====== INFORMATION SHOWN

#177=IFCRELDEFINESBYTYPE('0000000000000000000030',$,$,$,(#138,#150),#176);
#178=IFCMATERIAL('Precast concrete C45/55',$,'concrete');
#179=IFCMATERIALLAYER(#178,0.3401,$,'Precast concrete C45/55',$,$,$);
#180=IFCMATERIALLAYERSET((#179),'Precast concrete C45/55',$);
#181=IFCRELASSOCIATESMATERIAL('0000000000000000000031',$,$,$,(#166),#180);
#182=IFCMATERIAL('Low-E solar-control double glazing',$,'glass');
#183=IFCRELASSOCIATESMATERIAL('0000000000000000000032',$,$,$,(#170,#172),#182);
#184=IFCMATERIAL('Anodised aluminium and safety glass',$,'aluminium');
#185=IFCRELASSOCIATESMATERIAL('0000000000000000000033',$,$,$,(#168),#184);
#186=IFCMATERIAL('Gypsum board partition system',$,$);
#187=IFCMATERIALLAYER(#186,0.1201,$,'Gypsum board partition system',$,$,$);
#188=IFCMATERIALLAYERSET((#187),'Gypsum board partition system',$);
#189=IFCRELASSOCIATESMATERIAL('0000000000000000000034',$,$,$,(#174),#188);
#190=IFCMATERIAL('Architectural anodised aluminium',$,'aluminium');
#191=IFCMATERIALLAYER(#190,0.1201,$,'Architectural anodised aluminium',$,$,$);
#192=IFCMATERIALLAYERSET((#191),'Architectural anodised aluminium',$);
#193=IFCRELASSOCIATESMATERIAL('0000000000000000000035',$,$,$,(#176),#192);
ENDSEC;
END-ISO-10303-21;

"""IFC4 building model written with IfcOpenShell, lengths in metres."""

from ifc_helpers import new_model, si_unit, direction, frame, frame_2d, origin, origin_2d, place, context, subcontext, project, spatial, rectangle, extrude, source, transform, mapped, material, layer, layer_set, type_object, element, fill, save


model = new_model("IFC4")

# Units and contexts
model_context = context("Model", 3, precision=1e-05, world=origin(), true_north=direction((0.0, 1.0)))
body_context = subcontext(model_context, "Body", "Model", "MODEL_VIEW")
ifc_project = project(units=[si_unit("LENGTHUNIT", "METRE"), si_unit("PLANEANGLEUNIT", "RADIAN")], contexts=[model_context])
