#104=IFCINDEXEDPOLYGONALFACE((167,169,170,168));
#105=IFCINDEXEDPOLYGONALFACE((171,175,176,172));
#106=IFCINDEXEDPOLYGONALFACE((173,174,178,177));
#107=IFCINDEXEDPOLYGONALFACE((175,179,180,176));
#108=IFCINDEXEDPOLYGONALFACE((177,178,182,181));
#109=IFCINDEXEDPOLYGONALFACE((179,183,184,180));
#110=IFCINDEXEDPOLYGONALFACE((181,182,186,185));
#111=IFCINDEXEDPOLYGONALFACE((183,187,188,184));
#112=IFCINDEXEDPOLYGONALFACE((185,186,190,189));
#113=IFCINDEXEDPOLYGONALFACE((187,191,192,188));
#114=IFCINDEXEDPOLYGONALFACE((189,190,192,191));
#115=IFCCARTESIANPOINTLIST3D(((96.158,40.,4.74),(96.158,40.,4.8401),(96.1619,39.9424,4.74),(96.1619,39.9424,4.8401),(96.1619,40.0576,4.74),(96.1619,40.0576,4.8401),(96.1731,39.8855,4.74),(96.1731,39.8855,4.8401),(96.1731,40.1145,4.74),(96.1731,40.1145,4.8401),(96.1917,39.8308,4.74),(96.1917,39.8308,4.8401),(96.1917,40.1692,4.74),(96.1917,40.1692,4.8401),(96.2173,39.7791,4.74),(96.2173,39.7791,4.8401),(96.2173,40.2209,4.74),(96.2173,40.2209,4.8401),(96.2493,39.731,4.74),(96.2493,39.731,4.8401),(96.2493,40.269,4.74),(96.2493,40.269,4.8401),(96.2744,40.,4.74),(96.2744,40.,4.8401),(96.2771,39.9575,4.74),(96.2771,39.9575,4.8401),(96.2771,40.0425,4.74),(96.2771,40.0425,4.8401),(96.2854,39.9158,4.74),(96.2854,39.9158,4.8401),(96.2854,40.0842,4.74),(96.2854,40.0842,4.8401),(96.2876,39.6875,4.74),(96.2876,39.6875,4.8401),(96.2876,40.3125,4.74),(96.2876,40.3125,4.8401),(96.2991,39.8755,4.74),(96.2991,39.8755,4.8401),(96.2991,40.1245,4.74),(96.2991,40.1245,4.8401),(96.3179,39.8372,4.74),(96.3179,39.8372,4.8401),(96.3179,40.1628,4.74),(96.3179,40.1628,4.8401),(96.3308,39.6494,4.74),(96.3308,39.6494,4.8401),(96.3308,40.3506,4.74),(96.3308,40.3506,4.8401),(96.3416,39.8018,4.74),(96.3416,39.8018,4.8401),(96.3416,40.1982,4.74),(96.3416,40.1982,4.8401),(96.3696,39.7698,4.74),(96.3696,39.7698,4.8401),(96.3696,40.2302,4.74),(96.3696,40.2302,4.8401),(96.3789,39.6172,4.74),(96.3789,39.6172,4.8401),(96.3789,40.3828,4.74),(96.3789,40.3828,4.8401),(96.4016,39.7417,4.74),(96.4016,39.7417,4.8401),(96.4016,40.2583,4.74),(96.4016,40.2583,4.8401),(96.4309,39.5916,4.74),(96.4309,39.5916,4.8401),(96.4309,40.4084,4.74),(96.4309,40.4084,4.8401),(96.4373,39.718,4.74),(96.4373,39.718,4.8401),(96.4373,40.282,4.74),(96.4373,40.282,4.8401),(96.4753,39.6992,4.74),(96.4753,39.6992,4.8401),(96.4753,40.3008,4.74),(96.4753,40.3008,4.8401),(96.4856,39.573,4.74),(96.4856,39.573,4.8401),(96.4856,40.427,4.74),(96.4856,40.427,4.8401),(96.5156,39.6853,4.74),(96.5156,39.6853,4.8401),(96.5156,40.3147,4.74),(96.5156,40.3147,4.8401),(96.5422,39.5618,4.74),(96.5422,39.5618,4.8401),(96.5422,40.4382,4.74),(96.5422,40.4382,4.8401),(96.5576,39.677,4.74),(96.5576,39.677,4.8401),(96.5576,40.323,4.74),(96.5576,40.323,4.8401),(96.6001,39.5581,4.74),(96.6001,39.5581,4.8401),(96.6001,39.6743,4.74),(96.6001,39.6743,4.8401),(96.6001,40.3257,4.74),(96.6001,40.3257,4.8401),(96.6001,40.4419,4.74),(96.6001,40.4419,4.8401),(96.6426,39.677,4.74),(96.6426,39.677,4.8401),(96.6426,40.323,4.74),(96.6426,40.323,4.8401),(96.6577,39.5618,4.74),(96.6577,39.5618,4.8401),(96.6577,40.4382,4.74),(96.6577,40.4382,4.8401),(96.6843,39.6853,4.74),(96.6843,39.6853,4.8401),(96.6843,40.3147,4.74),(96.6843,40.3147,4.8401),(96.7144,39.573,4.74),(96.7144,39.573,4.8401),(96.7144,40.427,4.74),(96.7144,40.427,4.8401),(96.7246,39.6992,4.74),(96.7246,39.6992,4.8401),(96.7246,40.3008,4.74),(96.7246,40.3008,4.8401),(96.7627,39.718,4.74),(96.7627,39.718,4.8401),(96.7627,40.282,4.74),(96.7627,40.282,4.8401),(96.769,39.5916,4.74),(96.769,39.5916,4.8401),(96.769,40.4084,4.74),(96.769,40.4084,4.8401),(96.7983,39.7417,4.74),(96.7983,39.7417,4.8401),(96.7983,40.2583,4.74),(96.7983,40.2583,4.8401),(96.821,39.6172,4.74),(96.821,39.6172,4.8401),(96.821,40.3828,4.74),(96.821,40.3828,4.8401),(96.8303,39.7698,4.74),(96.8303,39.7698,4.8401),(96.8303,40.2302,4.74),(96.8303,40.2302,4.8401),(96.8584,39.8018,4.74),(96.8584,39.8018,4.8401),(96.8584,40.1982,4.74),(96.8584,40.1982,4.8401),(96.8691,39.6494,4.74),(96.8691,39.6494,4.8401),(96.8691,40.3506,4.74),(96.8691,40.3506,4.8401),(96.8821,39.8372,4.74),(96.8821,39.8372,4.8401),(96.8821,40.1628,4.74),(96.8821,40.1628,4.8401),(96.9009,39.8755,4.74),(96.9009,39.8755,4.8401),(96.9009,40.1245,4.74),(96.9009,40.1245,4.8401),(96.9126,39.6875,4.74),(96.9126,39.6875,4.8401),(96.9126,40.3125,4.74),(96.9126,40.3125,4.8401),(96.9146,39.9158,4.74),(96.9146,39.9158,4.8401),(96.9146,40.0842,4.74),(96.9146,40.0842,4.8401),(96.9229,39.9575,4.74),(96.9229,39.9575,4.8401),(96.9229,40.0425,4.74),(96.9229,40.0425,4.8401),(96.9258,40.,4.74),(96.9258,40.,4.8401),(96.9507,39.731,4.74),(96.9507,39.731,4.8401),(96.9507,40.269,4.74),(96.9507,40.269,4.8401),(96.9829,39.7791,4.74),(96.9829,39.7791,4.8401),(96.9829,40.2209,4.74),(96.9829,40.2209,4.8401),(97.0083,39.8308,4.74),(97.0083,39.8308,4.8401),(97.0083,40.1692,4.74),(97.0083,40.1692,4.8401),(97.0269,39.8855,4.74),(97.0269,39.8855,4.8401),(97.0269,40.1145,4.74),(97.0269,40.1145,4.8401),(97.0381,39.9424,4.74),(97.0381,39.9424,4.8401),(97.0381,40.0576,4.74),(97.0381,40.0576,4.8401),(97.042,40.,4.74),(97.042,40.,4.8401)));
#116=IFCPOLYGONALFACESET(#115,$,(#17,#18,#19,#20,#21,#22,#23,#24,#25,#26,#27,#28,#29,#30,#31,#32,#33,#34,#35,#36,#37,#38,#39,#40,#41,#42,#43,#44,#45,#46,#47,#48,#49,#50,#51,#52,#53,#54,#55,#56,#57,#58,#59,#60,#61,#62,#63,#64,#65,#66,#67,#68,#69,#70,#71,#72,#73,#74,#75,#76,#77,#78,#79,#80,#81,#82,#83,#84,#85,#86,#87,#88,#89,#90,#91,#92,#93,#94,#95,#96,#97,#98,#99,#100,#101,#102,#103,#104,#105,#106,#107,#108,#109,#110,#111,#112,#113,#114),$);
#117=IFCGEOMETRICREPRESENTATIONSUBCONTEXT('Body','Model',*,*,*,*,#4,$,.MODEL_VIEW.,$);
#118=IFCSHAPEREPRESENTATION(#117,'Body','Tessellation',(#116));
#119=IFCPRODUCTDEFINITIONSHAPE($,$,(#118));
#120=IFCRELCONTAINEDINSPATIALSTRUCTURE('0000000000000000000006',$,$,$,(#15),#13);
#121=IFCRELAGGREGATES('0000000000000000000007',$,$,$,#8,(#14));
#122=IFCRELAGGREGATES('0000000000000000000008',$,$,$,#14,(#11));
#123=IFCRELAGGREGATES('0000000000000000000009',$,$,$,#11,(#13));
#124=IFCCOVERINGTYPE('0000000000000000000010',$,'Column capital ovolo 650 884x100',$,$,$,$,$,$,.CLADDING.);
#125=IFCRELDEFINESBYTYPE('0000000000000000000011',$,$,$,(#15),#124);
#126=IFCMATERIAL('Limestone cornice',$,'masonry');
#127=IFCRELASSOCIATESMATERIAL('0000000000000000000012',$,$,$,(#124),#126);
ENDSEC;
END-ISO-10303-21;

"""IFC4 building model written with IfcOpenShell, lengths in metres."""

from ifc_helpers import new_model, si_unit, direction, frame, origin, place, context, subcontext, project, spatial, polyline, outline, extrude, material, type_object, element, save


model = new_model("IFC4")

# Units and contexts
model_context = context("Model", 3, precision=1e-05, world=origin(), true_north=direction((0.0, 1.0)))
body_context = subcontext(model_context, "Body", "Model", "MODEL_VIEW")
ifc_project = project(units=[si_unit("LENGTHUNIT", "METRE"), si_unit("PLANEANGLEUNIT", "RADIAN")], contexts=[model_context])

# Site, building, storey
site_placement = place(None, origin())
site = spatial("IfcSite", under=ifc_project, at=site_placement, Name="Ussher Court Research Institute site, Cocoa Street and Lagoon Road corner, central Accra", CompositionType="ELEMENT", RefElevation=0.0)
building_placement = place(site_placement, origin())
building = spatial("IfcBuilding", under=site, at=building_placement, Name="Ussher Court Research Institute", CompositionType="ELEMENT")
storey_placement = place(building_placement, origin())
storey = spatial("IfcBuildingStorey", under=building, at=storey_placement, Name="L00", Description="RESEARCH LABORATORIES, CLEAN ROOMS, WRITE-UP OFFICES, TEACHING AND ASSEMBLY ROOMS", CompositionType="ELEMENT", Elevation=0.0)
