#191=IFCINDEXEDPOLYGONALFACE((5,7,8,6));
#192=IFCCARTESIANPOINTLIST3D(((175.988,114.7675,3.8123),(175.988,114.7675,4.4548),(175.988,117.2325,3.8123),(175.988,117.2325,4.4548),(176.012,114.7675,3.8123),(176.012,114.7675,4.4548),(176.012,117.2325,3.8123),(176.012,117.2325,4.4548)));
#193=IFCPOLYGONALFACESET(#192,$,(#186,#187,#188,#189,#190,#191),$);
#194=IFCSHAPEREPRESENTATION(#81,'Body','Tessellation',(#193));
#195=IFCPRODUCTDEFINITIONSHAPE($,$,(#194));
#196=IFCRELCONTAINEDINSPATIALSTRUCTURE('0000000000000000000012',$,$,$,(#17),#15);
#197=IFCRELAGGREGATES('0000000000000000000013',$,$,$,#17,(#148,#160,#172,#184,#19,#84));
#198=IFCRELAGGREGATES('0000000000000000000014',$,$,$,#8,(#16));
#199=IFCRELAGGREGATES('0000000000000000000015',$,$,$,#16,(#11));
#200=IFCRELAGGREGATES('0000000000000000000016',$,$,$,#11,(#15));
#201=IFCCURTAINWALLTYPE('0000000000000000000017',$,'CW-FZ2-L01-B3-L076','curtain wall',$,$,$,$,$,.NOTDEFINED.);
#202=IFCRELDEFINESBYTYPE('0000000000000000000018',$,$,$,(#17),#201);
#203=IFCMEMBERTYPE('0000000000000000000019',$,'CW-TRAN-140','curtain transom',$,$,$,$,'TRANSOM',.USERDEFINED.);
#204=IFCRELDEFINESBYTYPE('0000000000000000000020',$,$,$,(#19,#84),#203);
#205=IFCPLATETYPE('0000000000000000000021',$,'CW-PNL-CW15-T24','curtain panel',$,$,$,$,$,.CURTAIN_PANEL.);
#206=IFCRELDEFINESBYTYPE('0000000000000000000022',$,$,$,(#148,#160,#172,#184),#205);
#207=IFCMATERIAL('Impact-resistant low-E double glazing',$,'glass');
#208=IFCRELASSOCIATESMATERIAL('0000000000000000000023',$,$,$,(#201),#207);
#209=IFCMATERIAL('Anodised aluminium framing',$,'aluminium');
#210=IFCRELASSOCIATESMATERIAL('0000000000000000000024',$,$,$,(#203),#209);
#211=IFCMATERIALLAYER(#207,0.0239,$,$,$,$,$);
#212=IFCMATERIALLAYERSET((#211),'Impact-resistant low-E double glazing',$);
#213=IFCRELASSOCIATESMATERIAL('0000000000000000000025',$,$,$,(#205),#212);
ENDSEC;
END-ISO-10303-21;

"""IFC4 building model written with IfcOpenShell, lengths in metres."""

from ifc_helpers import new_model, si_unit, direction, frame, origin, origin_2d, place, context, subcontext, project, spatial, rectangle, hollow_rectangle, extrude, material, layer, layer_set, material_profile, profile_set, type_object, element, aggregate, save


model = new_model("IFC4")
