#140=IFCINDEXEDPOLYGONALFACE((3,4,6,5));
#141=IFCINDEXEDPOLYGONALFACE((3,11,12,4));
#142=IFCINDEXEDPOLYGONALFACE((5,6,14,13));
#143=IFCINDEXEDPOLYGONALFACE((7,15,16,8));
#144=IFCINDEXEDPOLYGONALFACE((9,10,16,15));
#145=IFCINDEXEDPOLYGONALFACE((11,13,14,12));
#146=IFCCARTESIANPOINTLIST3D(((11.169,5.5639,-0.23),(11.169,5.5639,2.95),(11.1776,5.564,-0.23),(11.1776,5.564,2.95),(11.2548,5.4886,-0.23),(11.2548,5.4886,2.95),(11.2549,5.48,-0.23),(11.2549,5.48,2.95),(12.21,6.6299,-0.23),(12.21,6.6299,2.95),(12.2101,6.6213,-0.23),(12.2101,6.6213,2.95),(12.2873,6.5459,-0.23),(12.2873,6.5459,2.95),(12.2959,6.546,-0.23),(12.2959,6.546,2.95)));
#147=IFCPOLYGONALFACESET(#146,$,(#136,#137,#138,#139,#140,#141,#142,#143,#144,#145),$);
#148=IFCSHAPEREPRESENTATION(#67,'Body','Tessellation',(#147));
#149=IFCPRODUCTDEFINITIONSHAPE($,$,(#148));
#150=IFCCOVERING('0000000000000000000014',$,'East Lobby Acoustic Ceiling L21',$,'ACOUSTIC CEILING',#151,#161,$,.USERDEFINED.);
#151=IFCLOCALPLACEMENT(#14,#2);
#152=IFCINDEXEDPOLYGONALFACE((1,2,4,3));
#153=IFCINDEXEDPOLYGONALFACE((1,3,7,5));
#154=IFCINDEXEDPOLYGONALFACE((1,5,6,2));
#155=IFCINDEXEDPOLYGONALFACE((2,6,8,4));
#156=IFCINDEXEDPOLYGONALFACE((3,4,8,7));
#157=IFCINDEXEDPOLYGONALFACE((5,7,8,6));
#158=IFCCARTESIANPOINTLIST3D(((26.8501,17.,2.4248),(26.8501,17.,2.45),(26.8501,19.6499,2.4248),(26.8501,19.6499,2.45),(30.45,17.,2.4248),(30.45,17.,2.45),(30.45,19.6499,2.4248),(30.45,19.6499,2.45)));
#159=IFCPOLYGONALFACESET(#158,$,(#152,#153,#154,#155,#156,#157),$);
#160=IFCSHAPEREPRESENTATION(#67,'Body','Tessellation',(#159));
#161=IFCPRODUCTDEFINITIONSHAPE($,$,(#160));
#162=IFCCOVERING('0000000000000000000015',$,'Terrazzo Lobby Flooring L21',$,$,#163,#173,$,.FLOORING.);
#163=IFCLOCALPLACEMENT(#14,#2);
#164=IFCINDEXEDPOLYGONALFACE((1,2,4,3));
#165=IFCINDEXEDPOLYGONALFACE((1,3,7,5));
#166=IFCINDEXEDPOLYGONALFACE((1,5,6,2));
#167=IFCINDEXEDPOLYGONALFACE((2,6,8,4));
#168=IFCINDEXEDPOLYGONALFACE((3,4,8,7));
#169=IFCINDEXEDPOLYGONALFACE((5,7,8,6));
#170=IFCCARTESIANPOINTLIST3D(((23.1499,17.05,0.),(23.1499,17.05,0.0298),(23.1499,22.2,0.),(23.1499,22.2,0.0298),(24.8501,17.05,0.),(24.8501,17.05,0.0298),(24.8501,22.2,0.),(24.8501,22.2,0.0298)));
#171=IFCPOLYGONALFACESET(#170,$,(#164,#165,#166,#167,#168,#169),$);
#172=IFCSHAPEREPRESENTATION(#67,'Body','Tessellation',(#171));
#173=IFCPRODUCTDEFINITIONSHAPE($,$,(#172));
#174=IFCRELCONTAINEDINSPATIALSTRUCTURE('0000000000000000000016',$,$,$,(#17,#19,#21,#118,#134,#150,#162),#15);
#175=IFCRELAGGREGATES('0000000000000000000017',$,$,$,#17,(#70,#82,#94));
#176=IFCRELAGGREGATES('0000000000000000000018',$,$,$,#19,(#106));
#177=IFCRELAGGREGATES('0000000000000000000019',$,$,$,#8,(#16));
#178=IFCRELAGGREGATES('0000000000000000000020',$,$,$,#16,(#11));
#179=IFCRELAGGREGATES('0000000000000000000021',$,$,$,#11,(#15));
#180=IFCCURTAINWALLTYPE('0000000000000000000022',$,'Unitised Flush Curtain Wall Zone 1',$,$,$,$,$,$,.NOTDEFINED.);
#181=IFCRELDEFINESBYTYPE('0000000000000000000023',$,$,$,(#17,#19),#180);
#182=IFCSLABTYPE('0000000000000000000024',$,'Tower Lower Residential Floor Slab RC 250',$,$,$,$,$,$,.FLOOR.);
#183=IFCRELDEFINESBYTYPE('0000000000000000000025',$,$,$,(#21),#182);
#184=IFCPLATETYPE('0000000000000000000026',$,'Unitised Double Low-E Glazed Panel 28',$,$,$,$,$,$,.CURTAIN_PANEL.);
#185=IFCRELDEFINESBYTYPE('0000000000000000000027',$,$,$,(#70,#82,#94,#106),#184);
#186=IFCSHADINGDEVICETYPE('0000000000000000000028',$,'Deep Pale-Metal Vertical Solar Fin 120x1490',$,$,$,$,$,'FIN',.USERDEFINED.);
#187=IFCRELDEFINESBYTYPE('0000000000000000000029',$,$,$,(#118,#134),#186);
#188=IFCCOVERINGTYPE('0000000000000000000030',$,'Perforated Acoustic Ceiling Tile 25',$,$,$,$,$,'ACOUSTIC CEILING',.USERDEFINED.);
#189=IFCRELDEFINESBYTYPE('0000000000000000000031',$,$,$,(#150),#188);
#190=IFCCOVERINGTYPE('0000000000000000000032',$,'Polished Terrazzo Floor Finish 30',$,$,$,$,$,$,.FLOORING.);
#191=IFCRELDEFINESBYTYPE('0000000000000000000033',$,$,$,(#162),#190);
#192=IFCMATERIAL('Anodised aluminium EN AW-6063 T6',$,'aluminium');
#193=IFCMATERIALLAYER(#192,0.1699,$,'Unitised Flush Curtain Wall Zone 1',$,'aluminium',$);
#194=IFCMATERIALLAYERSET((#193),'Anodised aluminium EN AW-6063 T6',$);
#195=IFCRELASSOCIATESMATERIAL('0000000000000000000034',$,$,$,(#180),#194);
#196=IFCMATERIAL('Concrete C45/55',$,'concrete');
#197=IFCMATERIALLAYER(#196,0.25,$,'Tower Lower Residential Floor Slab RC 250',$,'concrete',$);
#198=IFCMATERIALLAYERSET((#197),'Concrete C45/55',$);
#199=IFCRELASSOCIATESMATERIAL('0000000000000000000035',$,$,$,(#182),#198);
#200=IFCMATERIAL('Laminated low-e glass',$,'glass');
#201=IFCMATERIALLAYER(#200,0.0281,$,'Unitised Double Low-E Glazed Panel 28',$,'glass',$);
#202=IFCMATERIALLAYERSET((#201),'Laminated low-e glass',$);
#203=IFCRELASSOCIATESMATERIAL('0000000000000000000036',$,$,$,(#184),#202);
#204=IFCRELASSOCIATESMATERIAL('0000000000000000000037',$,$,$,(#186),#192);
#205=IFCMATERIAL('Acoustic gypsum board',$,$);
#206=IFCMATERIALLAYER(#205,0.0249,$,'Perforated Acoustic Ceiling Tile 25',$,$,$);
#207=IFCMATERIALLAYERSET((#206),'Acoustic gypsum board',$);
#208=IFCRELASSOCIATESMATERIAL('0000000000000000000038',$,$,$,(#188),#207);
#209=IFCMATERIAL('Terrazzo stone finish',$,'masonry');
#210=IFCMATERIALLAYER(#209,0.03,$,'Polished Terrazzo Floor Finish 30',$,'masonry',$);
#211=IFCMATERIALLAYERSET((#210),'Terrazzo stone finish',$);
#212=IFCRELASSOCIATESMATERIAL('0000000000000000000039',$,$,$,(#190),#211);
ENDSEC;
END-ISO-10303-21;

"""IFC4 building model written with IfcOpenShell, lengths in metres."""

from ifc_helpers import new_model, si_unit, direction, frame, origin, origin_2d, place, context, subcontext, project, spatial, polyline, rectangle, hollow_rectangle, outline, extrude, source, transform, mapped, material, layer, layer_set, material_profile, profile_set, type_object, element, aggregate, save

============

- _INSTRUCTIONS TO FOLLOW_:
Print, exactly as written, the first line of the records above and each line after it until the line with "#180=IFCMATERIALLAYERSET((#179),'Precast concrete C45/55',$);", which is printed too.

- _FINISHED EXERCISE_:
#177=IFCRELDEFINESBYTYPE('0000000000000000000030',$,$,$,(#138,#150),#176);
#178=IFCMATERIAL('Precast concrete C45/55',$,'concrete');
#179=IFCMATERIALLAYER(#178,0.3401,$,'Precast concrete C45/55',$,$,$);
#180=IFCMATERIALLAYERSET((#179),'Precast concrete C45/55',$);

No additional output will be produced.